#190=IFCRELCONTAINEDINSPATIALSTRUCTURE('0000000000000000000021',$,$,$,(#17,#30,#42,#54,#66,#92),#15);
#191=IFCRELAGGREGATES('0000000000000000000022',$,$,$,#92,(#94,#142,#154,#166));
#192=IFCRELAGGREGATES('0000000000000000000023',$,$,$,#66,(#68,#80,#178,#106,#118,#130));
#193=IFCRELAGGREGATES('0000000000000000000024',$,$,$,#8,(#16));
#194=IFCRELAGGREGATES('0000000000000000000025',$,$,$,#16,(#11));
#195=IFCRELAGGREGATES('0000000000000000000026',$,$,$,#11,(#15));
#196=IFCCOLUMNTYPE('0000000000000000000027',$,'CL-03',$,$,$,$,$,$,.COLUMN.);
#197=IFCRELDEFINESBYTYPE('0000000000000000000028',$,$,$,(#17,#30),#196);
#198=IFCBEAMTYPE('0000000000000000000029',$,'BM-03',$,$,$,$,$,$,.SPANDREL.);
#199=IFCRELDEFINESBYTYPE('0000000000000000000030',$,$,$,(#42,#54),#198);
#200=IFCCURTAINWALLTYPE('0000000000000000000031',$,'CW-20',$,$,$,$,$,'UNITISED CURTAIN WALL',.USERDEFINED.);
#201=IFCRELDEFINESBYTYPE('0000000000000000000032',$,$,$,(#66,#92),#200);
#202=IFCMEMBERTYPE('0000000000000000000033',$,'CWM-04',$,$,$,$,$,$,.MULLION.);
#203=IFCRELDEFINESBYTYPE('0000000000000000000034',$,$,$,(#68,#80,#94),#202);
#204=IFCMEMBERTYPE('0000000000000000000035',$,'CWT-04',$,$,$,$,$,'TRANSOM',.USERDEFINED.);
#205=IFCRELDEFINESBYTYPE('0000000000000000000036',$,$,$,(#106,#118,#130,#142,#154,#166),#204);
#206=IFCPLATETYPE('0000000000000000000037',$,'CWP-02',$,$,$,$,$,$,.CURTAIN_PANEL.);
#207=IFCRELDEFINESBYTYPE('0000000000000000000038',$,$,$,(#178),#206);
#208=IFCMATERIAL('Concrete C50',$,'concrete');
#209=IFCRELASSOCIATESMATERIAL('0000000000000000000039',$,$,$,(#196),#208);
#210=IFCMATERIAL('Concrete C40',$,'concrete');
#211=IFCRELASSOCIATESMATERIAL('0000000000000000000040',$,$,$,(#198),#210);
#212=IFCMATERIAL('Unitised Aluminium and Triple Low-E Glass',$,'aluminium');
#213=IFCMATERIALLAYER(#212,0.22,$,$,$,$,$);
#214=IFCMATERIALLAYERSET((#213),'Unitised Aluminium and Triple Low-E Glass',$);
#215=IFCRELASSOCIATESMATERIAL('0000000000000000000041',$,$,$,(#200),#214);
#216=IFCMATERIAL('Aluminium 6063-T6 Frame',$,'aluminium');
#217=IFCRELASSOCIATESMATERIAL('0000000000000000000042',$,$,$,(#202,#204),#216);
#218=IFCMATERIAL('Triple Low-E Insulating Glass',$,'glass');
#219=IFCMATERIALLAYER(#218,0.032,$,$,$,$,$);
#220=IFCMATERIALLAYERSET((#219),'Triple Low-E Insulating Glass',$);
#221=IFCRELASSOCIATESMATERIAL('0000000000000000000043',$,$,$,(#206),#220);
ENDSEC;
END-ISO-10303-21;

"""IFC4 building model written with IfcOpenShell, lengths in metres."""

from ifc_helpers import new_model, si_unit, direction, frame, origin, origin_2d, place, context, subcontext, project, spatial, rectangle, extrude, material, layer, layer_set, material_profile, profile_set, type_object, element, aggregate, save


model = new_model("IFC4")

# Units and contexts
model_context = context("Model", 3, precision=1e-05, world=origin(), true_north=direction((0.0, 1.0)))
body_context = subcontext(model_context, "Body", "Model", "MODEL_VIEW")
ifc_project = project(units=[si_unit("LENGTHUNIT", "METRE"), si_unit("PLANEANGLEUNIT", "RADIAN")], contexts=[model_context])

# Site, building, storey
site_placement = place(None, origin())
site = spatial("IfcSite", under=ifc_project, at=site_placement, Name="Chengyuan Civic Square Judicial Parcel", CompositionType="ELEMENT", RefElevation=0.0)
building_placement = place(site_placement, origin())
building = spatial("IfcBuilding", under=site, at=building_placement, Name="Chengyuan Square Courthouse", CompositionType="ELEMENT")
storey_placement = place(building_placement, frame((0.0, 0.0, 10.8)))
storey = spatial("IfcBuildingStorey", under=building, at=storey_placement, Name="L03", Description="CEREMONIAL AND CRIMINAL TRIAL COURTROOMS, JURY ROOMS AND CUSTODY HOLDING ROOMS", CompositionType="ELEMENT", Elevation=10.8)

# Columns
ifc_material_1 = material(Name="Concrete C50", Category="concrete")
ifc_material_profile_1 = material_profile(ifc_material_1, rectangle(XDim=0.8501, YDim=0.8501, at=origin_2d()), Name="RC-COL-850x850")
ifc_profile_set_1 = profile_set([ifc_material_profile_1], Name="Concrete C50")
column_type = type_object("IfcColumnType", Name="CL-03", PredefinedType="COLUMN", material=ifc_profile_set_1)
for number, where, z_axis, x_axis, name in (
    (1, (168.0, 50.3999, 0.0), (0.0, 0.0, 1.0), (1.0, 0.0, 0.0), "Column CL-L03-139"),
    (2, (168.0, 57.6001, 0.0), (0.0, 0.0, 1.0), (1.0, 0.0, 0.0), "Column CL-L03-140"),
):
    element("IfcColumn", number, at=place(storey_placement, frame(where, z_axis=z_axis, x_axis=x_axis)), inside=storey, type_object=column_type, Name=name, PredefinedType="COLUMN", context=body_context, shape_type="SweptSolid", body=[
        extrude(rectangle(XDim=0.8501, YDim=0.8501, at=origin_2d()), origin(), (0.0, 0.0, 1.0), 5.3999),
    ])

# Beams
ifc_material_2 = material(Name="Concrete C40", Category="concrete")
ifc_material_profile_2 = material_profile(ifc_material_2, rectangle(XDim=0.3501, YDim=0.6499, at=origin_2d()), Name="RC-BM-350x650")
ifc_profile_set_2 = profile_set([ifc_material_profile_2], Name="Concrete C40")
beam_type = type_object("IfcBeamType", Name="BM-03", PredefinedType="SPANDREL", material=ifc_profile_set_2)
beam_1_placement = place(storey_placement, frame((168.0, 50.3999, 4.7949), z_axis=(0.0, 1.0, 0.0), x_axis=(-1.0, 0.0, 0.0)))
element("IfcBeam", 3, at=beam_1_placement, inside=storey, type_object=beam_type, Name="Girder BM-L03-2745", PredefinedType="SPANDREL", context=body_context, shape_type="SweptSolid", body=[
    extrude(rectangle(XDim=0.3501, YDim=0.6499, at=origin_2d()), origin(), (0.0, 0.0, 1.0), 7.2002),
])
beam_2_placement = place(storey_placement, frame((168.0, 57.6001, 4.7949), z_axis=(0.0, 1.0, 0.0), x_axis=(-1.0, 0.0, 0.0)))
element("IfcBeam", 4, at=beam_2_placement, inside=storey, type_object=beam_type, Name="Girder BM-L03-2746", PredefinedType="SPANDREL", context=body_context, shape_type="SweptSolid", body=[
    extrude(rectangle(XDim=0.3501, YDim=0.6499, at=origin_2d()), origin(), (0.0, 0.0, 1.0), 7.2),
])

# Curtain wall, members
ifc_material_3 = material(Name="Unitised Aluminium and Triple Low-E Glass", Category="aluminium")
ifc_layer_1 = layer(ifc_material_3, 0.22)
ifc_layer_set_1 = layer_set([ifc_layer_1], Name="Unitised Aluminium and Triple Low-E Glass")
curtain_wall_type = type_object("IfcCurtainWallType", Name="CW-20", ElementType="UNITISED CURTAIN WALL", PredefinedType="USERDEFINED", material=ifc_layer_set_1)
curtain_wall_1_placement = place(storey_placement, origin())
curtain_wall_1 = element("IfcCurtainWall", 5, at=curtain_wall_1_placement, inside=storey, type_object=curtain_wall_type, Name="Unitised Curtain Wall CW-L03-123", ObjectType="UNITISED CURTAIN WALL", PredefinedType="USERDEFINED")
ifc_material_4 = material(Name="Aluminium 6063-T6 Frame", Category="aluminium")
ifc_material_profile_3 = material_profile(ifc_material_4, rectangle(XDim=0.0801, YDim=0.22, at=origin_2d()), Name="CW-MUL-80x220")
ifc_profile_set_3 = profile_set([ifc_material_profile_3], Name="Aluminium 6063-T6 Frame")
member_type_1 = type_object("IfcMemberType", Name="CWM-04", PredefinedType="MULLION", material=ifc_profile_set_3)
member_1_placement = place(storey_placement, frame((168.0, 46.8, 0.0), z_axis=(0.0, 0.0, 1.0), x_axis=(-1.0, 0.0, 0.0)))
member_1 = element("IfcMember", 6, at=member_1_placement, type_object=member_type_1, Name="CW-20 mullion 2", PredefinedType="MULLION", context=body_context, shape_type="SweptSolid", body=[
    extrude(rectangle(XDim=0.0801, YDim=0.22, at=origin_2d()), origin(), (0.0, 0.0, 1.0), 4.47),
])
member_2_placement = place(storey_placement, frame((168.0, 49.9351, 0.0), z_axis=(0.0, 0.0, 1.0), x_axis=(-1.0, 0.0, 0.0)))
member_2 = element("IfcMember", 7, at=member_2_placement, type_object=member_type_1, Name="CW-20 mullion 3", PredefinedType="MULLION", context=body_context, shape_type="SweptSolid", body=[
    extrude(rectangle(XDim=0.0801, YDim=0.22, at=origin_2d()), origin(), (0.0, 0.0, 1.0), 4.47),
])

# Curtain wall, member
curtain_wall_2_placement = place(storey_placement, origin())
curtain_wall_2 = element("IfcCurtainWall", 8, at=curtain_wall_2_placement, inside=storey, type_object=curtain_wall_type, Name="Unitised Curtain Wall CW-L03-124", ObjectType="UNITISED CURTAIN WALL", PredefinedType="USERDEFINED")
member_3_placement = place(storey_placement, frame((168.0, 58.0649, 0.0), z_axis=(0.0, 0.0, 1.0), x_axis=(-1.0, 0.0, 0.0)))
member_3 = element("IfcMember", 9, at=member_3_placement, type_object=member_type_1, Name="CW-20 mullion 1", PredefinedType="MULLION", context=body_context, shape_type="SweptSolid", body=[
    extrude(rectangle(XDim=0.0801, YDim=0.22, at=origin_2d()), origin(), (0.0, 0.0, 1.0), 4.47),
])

• **Your goal**: What is the number of lines in the records that hold the word "Girder"? Answer with that number only.

• **Answer to this exercise**: 2